* **What is expected**: Below are lines of data; count those that contain "mullion" and give the total alone.

[The input Boundary: Start]

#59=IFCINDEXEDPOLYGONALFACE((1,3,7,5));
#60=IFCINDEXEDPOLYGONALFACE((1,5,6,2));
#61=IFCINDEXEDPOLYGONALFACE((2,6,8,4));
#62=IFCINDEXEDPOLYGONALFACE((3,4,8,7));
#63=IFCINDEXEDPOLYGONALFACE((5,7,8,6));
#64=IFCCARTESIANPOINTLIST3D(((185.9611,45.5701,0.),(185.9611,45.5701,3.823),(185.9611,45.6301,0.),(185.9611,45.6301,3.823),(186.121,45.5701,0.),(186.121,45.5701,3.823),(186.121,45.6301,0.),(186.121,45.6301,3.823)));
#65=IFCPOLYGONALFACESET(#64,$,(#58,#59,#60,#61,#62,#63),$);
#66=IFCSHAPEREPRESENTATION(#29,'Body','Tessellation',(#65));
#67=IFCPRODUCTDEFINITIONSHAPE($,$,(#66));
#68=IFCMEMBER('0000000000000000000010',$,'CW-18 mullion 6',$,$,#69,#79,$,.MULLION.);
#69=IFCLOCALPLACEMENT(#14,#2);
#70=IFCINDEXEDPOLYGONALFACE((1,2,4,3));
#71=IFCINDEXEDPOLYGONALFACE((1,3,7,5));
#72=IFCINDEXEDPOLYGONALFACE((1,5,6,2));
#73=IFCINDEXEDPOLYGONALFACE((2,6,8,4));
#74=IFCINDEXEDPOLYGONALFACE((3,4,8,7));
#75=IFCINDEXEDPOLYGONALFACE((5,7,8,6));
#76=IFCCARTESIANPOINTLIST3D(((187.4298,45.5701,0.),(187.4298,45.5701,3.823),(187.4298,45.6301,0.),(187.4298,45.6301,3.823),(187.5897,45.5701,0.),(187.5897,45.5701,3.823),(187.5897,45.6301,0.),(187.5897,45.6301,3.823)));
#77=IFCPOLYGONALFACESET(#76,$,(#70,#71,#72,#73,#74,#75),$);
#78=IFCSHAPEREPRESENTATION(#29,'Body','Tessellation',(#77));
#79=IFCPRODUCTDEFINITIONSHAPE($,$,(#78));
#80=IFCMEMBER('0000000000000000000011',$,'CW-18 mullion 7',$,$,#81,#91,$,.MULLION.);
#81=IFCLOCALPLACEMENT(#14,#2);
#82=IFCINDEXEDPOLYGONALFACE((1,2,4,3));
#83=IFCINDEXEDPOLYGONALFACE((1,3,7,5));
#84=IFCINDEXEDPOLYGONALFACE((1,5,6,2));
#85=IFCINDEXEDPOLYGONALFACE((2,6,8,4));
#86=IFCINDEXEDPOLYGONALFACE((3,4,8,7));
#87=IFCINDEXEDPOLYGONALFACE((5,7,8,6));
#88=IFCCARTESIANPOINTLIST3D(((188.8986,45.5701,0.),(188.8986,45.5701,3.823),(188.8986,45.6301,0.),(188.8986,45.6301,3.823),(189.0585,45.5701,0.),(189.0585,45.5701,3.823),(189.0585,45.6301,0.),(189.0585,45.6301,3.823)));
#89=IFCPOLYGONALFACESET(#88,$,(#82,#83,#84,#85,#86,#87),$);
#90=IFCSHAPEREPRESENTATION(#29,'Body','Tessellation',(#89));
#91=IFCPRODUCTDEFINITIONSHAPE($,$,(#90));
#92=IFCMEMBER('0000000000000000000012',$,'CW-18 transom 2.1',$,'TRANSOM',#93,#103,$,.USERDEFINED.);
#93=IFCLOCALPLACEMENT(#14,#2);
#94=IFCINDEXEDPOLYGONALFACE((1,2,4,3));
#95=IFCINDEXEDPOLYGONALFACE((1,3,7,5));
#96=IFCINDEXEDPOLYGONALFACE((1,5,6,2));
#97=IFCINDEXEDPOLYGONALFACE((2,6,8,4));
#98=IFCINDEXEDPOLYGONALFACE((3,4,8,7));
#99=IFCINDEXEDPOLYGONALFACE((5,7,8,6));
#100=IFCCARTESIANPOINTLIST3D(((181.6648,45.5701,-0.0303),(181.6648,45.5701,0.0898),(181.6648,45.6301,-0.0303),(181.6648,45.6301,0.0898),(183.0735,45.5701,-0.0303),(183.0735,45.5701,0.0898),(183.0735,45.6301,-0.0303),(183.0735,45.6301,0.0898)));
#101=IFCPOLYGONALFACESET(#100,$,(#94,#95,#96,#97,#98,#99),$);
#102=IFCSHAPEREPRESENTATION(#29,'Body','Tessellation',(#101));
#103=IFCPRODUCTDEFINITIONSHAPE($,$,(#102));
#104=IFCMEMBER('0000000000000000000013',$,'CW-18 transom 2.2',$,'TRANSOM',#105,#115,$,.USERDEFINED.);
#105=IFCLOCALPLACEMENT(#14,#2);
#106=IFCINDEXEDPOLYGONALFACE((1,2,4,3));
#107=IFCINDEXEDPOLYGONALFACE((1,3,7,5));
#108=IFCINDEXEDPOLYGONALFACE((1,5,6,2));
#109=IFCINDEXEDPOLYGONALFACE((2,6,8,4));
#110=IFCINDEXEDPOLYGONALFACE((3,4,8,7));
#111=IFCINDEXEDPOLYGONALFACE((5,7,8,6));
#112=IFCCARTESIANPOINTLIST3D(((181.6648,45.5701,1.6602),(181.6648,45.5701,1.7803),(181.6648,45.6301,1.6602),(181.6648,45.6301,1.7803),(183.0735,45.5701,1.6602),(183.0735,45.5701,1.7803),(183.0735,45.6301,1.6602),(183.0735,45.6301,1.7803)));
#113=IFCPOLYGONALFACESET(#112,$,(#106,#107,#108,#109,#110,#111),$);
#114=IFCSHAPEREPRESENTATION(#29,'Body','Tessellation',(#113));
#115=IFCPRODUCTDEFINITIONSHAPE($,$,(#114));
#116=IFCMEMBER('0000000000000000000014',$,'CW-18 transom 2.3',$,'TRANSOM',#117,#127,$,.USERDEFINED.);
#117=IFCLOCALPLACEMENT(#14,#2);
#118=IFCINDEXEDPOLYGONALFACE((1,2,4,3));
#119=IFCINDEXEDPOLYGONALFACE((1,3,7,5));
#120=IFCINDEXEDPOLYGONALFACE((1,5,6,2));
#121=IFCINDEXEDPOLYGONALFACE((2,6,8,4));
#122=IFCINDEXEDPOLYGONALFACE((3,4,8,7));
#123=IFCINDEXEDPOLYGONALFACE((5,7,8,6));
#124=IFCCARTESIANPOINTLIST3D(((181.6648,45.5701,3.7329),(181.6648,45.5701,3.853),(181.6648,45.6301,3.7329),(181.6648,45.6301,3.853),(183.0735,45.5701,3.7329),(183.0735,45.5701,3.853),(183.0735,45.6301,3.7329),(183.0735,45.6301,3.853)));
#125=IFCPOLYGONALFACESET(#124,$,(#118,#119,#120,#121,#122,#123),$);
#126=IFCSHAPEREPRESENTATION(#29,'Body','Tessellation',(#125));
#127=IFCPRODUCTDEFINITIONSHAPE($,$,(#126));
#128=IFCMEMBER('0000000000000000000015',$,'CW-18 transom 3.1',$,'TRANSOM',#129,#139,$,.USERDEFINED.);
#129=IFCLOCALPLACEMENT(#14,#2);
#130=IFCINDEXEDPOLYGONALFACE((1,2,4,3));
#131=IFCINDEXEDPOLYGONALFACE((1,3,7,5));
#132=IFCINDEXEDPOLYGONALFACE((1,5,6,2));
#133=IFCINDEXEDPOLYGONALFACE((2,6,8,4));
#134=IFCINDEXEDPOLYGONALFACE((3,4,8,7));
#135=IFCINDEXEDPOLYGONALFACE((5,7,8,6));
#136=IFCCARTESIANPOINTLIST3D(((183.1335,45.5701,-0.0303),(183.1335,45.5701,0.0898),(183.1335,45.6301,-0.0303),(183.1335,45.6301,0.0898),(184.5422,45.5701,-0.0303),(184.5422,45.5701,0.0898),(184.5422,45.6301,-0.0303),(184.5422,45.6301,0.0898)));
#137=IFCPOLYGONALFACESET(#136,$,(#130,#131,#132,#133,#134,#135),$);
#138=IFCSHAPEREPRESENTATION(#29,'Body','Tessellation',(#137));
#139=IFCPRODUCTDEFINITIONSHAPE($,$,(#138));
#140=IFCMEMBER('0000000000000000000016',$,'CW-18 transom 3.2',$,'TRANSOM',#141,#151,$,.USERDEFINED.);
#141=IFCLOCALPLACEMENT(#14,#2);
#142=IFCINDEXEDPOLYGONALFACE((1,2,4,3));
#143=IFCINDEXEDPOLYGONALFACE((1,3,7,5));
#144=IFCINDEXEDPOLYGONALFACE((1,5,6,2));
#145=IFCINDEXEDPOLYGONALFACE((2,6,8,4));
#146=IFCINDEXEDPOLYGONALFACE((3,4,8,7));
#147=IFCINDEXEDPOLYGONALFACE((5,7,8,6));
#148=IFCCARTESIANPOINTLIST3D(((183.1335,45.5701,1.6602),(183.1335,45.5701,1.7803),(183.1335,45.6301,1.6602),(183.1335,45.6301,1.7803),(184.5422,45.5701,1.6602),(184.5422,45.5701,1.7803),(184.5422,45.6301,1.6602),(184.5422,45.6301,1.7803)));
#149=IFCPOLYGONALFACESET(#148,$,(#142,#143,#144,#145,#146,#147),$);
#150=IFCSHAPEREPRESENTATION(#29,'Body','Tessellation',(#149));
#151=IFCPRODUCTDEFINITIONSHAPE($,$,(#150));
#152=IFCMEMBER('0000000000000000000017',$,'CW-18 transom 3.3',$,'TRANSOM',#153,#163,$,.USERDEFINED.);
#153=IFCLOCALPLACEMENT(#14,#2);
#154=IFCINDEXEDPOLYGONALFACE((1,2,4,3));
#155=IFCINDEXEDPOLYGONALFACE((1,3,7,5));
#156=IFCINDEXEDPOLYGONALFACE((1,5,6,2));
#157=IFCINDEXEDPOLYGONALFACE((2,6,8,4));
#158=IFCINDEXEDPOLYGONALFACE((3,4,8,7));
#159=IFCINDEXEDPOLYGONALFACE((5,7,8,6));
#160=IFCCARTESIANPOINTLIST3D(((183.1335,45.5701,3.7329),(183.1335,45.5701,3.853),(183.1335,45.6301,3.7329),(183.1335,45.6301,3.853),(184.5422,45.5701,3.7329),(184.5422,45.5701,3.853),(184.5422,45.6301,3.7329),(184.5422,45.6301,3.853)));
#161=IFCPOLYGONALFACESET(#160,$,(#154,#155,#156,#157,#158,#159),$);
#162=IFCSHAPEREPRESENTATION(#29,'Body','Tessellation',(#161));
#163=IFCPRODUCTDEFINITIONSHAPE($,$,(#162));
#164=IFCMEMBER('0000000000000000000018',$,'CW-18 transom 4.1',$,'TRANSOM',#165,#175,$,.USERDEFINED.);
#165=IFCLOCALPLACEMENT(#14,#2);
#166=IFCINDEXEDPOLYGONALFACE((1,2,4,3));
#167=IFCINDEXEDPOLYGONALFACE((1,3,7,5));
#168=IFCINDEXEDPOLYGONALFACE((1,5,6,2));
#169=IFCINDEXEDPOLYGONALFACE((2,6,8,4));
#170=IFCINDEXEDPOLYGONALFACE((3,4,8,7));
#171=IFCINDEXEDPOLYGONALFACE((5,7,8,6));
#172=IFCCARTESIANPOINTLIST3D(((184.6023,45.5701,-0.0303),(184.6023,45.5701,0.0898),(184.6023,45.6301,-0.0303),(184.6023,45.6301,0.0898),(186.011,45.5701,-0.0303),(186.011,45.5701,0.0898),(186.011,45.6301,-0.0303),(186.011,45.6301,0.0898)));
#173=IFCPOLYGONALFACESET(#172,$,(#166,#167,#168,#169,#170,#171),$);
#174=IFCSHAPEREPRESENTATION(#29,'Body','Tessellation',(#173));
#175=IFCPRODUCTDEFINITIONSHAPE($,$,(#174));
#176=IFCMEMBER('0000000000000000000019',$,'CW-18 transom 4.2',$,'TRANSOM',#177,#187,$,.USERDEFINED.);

[The input Boundary: End]
[The input Boundary: Start]

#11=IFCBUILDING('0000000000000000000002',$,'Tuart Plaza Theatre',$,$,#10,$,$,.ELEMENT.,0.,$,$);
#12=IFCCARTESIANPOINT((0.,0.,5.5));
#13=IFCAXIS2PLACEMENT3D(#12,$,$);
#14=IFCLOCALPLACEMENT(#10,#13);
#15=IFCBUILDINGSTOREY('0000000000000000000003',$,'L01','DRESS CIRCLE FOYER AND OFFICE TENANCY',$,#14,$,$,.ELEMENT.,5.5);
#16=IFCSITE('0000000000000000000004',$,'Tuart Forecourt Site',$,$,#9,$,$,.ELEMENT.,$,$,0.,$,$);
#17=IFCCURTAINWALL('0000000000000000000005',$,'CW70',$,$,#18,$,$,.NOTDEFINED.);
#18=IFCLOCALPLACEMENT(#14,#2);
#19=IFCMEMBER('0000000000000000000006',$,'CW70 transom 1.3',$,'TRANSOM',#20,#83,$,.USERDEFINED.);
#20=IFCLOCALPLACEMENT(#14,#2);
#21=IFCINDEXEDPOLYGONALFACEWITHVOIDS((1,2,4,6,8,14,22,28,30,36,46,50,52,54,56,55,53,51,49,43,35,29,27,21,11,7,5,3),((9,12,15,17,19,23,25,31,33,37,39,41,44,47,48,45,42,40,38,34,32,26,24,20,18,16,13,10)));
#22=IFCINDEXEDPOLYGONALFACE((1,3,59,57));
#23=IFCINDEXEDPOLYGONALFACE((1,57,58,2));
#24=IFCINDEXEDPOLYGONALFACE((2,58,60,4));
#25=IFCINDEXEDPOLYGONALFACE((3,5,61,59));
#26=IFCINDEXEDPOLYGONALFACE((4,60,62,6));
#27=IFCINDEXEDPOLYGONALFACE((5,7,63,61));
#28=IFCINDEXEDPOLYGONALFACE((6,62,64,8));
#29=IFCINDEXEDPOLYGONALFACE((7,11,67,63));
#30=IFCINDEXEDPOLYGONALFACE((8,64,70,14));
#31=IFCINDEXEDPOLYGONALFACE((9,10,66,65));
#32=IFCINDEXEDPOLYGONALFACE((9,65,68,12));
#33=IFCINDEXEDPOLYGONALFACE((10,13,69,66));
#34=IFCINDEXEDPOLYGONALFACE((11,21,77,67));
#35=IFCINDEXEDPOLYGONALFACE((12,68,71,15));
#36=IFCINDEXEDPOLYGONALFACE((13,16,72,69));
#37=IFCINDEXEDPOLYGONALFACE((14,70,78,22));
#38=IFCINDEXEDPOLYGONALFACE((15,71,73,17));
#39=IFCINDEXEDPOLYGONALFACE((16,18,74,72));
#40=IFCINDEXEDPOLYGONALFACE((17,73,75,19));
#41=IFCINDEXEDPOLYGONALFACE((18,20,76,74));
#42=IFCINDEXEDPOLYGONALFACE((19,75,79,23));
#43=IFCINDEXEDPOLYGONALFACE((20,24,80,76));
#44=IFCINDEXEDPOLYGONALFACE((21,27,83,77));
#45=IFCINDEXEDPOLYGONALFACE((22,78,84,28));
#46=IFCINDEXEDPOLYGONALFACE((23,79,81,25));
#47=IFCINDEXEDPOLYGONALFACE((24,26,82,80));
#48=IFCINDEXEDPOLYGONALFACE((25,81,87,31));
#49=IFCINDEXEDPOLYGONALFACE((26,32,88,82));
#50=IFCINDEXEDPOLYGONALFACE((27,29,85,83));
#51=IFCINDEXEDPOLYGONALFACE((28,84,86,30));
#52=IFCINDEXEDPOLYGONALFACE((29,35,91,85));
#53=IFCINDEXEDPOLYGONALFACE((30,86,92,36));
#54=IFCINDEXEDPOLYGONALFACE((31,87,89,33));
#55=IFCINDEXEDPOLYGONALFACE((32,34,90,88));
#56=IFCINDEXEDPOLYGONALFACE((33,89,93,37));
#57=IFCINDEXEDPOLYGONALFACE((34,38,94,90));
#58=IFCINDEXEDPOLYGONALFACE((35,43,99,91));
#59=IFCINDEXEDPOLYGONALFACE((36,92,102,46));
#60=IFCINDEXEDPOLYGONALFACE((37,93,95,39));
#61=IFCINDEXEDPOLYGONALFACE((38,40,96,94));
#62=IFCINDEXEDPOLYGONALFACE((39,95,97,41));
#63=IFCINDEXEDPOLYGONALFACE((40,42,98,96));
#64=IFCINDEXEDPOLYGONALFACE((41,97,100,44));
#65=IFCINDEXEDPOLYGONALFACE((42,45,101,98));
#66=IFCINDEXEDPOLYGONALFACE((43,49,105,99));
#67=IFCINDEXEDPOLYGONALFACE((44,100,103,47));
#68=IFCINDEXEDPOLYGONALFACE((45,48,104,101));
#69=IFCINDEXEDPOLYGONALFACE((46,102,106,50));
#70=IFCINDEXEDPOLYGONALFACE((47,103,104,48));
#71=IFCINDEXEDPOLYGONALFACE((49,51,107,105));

[The input Boundary: End]

* **Written answer**: 2